ACTIVITY —
Look through the entries below and count the lines with the word "IFCLOCALPLACEMENT" in them; give only the number.

RECORDED DATA —
*-*-*

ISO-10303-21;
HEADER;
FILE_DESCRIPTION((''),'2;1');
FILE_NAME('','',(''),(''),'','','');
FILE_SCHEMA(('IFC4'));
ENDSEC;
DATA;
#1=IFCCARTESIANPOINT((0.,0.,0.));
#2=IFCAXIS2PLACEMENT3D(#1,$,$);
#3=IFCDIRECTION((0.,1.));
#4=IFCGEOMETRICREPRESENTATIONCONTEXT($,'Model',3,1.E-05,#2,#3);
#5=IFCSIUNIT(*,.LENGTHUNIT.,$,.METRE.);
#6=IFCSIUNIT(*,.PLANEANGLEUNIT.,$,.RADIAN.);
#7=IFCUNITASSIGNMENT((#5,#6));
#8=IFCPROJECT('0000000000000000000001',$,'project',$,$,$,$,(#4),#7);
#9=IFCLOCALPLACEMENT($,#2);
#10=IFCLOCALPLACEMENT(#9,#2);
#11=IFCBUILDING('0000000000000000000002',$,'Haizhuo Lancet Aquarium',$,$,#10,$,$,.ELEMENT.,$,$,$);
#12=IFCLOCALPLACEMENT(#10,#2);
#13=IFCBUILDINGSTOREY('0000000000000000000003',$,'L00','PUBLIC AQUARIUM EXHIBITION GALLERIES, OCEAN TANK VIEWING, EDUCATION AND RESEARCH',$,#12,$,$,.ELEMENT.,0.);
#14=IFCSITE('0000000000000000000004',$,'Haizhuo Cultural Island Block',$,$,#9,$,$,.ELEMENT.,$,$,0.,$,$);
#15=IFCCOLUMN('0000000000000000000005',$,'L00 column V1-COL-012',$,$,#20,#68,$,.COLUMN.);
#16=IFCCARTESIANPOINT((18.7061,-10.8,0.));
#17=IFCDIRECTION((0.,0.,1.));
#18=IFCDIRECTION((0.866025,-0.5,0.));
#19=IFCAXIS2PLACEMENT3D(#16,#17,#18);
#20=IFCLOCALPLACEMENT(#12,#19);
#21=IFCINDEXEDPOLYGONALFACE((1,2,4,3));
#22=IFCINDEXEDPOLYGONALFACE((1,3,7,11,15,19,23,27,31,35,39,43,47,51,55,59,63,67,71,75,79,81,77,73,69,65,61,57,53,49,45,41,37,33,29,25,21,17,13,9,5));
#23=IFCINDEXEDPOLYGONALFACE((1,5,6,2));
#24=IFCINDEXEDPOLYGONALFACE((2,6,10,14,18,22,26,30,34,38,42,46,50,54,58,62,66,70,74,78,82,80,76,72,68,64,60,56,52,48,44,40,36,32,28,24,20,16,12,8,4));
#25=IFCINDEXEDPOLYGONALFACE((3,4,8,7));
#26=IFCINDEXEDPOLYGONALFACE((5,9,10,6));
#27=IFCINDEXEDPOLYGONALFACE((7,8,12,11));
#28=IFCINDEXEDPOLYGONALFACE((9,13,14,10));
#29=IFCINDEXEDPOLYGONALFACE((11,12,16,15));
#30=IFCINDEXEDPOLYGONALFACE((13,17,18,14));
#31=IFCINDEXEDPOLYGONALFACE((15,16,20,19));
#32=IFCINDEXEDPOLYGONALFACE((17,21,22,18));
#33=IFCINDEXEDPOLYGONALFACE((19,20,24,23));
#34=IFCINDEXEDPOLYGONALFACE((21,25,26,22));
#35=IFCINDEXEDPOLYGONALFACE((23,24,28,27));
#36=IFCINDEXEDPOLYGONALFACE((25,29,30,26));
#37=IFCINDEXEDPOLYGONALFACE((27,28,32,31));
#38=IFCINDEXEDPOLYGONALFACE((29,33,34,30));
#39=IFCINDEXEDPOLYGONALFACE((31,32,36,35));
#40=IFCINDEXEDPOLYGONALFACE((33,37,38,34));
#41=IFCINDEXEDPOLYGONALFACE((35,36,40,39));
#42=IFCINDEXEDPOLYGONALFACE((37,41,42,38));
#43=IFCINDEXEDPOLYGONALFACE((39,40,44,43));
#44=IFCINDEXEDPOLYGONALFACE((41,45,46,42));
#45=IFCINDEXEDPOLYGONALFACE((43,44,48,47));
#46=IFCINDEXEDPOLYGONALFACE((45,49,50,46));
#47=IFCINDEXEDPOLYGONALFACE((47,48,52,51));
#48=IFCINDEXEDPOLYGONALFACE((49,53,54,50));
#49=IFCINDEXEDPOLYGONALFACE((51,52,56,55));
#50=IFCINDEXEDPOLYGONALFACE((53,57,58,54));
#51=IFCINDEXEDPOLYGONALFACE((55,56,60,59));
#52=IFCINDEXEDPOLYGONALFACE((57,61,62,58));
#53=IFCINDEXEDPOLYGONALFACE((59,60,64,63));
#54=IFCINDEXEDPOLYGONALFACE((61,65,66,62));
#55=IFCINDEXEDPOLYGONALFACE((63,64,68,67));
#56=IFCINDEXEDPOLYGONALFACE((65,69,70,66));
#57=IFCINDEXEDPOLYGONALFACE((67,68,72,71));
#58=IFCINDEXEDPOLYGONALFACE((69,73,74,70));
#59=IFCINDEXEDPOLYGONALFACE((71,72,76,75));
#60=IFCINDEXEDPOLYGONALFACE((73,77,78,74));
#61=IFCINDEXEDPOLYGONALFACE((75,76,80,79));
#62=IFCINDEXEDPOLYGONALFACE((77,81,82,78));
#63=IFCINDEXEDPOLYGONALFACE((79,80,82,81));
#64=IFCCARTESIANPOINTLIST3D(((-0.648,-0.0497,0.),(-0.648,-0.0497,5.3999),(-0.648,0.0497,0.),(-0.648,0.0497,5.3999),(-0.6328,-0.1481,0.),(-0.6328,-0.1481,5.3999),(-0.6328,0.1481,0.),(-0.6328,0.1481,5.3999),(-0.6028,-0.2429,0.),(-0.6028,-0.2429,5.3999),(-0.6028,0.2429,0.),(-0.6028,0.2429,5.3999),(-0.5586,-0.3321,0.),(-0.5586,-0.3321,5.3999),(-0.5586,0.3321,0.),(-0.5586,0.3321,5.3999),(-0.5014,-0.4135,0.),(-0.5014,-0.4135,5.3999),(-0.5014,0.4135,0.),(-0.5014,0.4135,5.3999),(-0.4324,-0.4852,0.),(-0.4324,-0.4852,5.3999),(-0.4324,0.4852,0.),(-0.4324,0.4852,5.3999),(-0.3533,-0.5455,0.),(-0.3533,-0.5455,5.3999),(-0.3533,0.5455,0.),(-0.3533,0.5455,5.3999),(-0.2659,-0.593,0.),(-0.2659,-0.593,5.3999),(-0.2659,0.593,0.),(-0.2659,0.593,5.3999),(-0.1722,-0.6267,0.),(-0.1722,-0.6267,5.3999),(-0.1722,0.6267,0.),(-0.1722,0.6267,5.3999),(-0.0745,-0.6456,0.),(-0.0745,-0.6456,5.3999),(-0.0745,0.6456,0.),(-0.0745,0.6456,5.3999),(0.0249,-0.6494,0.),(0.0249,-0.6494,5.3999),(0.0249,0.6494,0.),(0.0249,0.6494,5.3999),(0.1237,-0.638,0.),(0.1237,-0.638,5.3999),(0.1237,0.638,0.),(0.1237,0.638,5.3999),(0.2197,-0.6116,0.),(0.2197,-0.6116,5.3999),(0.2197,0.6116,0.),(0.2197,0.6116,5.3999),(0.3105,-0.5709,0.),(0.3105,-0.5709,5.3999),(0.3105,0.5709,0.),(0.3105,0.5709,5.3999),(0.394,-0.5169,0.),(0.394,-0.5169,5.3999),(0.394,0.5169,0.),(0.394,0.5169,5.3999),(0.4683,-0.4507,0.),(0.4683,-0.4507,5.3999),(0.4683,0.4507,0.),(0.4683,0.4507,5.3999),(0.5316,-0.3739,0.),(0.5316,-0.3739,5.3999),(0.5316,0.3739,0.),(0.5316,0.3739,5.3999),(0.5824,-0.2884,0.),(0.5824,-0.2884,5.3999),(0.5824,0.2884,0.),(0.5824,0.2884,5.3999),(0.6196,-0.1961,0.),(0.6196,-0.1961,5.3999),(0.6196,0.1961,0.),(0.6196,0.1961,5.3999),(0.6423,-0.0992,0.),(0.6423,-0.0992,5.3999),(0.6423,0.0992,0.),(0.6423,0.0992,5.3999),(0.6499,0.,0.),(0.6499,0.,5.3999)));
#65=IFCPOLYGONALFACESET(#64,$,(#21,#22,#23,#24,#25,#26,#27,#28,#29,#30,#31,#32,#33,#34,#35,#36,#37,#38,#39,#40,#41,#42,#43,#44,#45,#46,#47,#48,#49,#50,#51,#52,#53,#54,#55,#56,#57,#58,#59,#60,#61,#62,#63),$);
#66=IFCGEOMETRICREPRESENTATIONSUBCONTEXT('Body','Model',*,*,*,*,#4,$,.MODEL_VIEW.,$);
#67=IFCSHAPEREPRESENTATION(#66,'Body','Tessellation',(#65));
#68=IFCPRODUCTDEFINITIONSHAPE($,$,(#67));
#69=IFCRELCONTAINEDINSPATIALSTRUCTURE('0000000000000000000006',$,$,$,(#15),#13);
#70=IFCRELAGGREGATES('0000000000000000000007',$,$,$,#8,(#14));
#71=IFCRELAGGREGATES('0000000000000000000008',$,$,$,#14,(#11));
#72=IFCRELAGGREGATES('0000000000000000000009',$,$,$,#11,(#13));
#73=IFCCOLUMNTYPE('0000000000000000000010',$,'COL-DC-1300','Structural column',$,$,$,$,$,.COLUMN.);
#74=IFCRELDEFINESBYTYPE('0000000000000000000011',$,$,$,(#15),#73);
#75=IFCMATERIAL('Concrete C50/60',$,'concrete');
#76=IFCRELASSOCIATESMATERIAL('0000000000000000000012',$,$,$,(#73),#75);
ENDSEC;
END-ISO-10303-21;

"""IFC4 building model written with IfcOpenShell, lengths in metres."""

from ifc_helpers import new_model, si_unit, direction, frame, origin, origin_2d, place, context, subcontext, project, spatial, circle, extrude, material, material_profile, profile_set, type_object, element, save


model = new_model("IFC4")

# Units and contexts
model_context = context("Model", 3, precision=1e-05, world=origin(), true_north=direction((0.0, 1.0)))
body_context = subcontext(model_context, "Body", "Model", "MODEL_VIEW")
ifc_project = project(units=[si_unit("LENGTHUNIT", "METRE"), si_unit("PLANEANGLEUNIT", "RADIAN")], contexts=[model_context])

# Site, building, storey
site_placement = place(None, origin())
site = spatial("IfcSite", under=ifc_project, at=site_placement, Name="Haizhuo Cultural Island Block", CompositionType="ELEMENT", RefElevation=0.0)
building_placement = place(site_placement, origin())
building = spatial("IfcBuilding", under=site, at=building_placement, Name="Haizhuo Lancet Aquarium", CompositionType="ELEMENT")
storey_placement = place(building_placement, origin())
storey = spatial("IfcBuildingStorey", under=building, at=storey_placement, Name="L00", Description="PUBLIC AQUARIUM EXHIBITION GALLERIES, OCEAN TANK VIEWING, EDUCATION AND RESEARCH", CompositionType="ELEMENT", Elevation=0.0)

# Column
ifc_material_1 = material(Name="Concrete C50/60", Category="concrete")
ifc_material_profile_1 = material_profile(ifc_material_1, circle(Radius=0.6499, at=origin_2d()), Name="RC-DC 1300")
ifc_profile_set_1 = profile_set([ifc_material_profile_1], Name="Concrete C50/60")
column_type_1 = type_object("IfcColumnType", Name="COL-DC-1300", Description="Structural column", PredefinedType="COLUMN", material=ifc_profile_set_1)
column_placement = place(storey_placement, frame((18.7061, -10.8, 0.0), z_axis=(0.0, 0.0, 1.0), x_axis=(0.866025, -0.5, 0.0)))
element("IfcColumn", 1, at=column_placement, inside=storey, type_object=column_type_1, Name="L00 column V1-COL-012", PredefinedType="COLUMN", context=body_context, shape_type="SweptSolid", body=[
    extrude(circle(Radius=0.6499, at=origin_2d()), origin(), (0.0, 0.0, 1.0), 5.3999),
])

save(model, "model.ifc")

*-*-*

THE ANSWER —
4